# RECORD EXCERPTS
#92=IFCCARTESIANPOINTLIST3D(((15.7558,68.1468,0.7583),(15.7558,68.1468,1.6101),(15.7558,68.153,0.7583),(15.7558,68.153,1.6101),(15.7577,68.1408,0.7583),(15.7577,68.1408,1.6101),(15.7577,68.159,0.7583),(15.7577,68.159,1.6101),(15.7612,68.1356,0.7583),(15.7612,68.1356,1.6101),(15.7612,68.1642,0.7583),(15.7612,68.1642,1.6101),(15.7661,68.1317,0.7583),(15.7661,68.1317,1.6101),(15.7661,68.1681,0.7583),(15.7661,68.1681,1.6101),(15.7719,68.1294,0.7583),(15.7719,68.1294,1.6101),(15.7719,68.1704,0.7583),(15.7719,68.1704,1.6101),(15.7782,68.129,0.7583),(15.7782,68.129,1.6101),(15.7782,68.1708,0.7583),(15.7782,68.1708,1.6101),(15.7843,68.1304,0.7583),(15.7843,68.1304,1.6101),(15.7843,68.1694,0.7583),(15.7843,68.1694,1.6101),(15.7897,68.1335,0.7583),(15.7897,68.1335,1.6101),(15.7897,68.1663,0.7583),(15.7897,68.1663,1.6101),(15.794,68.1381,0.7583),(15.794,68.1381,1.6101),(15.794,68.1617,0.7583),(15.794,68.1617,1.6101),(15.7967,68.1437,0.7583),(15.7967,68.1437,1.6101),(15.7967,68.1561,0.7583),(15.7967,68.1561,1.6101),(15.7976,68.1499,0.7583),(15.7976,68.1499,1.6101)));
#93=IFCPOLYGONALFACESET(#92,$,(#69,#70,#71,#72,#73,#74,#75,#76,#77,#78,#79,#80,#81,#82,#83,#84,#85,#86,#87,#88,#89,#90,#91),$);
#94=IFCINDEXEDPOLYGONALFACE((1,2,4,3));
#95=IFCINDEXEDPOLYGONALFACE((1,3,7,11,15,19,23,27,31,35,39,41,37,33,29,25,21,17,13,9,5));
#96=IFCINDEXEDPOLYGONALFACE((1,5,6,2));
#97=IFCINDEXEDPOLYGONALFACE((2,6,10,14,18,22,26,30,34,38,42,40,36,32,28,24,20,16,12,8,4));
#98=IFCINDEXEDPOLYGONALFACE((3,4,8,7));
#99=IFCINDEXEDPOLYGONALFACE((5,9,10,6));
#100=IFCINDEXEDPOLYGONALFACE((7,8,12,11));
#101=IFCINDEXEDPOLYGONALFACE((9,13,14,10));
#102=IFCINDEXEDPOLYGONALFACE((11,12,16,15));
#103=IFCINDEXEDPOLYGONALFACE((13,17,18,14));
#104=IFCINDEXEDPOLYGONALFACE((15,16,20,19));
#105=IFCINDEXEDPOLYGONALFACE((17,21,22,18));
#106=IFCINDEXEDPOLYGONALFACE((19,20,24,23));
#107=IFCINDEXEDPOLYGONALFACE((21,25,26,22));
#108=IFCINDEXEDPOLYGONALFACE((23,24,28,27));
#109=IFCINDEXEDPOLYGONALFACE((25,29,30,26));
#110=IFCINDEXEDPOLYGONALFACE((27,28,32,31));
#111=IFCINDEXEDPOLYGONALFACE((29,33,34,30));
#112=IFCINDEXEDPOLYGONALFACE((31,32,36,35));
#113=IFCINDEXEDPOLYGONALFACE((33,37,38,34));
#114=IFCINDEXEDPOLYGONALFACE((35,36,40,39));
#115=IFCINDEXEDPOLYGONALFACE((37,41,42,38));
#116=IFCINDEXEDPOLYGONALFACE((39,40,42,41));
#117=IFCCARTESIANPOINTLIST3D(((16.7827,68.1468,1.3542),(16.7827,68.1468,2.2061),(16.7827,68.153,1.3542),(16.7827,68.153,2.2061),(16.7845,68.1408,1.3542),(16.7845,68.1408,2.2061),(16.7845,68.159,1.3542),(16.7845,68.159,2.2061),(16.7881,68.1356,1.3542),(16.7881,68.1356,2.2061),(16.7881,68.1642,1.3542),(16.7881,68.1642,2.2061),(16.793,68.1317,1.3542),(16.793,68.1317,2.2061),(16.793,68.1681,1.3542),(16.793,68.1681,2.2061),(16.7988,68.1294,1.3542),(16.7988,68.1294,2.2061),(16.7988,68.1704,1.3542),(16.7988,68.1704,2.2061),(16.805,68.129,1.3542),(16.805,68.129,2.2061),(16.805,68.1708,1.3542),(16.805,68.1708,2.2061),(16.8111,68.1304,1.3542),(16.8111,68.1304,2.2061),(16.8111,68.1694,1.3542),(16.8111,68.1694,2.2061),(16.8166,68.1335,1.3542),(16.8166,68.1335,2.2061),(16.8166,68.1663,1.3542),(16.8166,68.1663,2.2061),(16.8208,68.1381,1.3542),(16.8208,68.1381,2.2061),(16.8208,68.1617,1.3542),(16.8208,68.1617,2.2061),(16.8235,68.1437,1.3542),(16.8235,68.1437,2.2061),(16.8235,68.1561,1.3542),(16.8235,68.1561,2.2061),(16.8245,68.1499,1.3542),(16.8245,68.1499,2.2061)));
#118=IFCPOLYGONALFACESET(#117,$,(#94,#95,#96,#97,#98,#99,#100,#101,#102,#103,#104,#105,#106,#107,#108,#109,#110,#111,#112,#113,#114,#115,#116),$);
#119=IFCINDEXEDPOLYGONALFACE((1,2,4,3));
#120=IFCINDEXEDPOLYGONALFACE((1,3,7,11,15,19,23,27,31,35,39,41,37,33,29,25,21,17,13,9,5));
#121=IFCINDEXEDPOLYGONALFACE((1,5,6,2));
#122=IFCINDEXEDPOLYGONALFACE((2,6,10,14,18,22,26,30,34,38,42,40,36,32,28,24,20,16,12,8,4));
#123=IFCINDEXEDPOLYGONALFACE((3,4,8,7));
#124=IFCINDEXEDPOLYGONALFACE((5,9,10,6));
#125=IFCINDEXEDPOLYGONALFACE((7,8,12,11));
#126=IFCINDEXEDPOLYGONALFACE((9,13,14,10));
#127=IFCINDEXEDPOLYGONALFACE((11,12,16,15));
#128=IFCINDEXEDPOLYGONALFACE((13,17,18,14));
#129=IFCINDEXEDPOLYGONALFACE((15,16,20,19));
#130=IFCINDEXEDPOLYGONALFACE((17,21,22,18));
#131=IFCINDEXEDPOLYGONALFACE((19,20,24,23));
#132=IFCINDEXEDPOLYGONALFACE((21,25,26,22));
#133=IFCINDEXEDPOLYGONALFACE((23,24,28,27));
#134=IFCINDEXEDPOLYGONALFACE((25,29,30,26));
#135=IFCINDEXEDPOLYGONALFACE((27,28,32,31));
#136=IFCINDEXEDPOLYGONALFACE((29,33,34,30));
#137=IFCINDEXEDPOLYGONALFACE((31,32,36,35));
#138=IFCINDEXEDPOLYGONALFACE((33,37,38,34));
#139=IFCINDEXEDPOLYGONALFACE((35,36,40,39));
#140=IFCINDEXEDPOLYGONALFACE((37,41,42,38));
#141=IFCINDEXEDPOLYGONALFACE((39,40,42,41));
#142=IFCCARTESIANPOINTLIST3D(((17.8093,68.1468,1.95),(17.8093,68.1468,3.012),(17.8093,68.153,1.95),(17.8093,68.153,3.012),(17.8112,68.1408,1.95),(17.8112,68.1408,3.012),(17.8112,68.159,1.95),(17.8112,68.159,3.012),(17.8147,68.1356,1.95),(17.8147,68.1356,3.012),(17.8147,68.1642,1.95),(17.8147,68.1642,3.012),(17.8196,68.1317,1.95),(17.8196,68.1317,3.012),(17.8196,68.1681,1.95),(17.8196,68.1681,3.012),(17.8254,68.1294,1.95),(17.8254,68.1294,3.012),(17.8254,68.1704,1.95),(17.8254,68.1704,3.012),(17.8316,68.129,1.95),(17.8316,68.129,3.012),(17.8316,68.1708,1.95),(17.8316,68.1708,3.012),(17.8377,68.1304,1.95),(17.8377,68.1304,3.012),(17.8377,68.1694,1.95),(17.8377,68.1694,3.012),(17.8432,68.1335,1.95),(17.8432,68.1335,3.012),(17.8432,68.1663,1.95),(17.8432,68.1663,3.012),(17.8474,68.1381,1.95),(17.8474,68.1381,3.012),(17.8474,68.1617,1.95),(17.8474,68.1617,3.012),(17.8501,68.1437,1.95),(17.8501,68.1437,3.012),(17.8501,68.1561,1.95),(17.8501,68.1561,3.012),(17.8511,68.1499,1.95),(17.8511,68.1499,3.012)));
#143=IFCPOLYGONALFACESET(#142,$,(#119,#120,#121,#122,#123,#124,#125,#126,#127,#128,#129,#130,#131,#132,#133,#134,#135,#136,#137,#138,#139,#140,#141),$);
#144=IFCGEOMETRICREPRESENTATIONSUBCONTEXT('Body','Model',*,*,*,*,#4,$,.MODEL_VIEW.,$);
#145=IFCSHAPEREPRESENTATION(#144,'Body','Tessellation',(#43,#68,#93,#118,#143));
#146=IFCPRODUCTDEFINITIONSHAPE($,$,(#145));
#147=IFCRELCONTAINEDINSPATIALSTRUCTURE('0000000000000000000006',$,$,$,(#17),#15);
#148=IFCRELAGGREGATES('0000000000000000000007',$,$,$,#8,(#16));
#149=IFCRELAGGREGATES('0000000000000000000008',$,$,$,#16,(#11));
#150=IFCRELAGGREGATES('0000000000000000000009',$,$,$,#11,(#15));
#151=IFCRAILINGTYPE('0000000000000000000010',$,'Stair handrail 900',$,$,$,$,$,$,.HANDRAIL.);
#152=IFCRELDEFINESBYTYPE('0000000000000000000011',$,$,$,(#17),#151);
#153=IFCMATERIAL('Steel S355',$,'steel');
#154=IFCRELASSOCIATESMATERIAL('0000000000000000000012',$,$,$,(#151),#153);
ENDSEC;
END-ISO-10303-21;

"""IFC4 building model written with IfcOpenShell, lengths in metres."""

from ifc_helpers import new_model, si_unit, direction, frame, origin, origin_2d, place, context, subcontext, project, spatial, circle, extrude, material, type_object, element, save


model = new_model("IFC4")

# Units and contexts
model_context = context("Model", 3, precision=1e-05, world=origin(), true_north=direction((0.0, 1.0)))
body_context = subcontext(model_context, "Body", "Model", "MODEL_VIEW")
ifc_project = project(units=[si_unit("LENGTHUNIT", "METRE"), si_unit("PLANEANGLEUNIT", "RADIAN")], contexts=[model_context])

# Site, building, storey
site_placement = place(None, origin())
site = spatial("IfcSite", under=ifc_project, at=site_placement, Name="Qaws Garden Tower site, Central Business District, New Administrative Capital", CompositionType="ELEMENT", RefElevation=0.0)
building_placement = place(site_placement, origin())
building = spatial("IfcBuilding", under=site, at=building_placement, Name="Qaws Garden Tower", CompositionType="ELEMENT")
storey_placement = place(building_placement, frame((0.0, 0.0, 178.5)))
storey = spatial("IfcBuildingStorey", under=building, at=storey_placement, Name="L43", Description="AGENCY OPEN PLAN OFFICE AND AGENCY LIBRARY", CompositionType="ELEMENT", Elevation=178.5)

# WHAT TO DO
Keeping every character as it is, restate the lines above that run from the line with "#138=IFCINDEXEDPOLYGONALFACE((33,37,38,34));" through the line with "#141=IFCINDEXEDPOLYGONALFACE((39,40,42,41));", both included, and nothing else.

# SOLUTION TO THIS PROBLEM
#138=IFCINDEXEDPOLYGONALFACE((33,37,38,34));
#139=IFCINDEXEDPOLYGONALFACE((35,36,40,39));
#140=IFCINDEXEDPOLYGONALFACE((37,41,42,38));
#141=IFCINDEXEDPOLYGONALFACE((39,40,42,41));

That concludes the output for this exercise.